Start at the line with "#189=IFCMATERIAL('Hollow Steel 350W" in the records below, stop at the line with "building model written", and return every line in that span exactly, the two end lines included.

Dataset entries

□ □ □

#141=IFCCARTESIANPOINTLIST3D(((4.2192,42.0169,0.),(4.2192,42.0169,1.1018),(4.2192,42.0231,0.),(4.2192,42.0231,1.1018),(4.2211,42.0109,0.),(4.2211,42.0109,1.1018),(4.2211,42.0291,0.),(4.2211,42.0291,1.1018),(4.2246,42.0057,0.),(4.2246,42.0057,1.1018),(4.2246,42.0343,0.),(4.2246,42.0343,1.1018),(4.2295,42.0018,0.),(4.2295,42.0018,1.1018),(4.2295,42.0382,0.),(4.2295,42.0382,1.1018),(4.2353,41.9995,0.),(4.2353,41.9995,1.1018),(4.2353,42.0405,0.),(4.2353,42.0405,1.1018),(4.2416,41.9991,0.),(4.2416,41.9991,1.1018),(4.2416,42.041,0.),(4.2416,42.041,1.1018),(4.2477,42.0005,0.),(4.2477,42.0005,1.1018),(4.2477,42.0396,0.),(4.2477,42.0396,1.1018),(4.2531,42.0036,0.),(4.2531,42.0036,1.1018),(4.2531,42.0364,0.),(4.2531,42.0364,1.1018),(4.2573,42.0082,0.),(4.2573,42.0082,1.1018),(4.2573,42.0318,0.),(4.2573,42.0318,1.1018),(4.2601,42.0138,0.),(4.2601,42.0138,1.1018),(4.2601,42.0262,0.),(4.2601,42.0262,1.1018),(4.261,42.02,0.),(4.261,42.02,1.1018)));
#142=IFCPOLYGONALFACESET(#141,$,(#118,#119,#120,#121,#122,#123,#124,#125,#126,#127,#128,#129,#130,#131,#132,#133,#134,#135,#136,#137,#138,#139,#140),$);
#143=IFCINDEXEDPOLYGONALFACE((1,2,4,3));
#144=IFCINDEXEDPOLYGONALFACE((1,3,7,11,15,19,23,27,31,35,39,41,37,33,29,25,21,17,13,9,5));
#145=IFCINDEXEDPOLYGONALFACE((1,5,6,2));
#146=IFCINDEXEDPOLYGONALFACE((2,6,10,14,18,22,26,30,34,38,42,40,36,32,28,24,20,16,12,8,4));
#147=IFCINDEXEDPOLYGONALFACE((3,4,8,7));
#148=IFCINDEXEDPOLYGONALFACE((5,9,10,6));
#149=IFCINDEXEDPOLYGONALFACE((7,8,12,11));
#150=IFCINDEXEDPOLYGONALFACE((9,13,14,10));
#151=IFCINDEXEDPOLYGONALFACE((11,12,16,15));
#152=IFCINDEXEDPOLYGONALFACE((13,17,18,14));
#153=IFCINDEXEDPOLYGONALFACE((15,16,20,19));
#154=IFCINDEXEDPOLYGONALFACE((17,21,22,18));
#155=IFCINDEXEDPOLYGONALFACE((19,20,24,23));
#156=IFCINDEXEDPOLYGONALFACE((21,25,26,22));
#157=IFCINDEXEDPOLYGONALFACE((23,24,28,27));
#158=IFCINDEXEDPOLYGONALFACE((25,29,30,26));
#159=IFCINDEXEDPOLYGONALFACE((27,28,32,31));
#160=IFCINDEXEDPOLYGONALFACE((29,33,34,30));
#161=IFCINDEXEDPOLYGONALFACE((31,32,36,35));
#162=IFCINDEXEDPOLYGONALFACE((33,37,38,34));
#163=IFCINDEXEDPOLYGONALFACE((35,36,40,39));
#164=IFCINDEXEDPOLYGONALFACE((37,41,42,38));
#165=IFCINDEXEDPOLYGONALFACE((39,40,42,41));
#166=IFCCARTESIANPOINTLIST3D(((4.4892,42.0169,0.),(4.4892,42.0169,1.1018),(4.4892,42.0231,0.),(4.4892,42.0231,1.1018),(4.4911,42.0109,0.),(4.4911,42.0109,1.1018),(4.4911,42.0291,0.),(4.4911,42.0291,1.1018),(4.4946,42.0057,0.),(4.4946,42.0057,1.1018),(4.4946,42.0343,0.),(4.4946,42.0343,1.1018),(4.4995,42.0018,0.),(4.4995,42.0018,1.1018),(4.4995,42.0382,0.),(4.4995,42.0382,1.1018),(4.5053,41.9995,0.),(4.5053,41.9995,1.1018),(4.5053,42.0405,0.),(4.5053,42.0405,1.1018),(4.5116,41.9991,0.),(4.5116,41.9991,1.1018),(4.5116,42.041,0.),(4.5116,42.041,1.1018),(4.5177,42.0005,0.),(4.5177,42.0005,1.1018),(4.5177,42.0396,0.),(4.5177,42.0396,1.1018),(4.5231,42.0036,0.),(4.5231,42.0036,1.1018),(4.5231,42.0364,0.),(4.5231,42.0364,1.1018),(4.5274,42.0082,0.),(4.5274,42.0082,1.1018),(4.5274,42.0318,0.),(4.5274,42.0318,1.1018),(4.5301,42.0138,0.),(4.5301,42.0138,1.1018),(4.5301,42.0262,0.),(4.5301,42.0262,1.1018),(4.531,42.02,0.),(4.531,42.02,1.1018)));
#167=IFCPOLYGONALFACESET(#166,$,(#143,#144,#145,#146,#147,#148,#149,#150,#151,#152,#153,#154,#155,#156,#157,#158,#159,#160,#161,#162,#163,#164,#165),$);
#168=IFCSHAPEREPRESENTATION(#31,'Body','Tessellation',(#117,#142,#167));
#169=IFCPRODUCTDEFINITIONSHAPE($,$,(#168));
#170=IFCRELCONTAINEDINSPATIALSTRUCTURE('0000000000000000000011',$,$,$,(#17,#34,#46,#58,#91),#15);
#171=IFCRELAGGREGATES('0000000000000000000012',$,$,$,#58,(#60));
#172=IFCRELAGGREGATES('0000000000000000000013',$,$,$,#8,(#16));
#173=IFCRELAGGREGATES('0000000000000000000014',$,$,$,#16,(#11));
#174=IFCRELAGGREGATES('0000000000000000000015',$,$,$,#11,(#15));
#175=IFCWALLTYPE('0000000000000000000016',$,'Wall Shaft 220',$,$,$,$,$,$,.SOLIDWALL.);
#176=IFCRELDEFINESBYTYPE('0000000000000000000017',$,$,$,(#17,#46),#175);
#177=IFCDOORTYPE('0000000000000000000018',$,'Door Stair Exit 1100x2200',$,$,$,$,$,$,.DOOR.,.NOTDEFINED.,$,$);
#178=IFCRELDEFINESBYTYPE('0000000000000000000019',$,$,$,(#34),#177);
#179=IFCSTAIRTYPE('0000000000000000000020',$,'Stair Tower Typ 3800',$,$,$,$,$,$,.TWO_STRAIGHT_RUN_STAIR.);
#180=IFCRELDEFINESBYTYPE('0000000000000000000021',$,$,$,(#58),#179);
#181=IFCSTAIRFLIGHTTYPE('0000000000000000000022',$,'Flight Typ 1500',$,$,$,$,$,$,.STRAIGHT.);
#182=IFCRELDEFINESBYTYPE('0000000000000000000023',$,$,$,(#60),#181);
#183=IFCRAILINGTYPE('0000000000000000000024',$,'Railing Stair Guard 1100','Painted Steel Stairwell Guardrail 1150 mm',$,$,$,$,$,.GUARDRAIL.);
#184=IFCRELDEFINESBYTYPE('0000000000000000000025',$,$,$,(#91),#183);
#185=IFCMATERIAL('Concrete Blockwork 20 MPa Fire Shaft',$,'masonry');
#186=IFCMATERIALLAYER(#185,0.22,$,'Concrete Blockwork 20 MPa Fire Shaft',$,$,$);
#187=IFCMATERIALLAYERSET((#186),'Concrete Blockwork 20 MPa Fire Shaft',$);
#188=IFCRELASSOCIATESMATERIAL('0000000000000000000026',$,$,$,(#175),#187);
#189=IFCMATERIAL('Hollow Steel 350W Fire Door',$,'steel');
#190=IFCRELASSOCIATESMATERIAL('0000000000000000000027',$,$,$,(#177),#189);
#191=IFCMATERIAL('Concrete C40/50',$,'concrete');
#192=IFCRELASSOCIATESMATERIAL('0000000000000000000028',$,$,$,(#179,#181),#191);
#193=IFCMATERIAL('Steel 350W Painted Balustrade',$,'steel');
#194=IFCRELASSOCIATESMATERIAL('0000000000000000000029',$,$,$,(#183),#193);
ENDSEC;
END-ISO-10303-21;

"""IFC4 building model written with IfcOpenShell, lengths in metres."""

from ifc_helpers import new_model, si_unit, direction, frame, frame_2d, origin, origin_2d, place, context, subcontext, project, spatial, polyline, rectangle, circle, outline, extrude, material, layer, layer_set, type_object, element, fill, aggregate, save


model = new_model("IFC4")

□ □ □

EXERCISE SOLUTION:
#189=IFCMATERIAL('Hollow Steel 350W Fire Door',$,'steel');
#190=IFCRELASSOCIATESMATERIAL('0000000000000000000027',$,$,$,(#177),#189);
#191=IFCMATERIAL('Concrete C40/50',$,'concrete');
#192=IFCRELASSOCIATESMATERIAL('0000000000000000000028',$,$,$,(#179,#181),#191);
#193=IFCMATERIAL('Steel 350W Painted Balustrade',$,'steel');
#194=IFCRELASSOCIATESMATERIAL('0000000000000000000029',$,$,$,(#183),#193);
ENDSEC;
END-ISO-10303-21;

"""IFC4 building model written with IfcOpenShell, lengths in metres."""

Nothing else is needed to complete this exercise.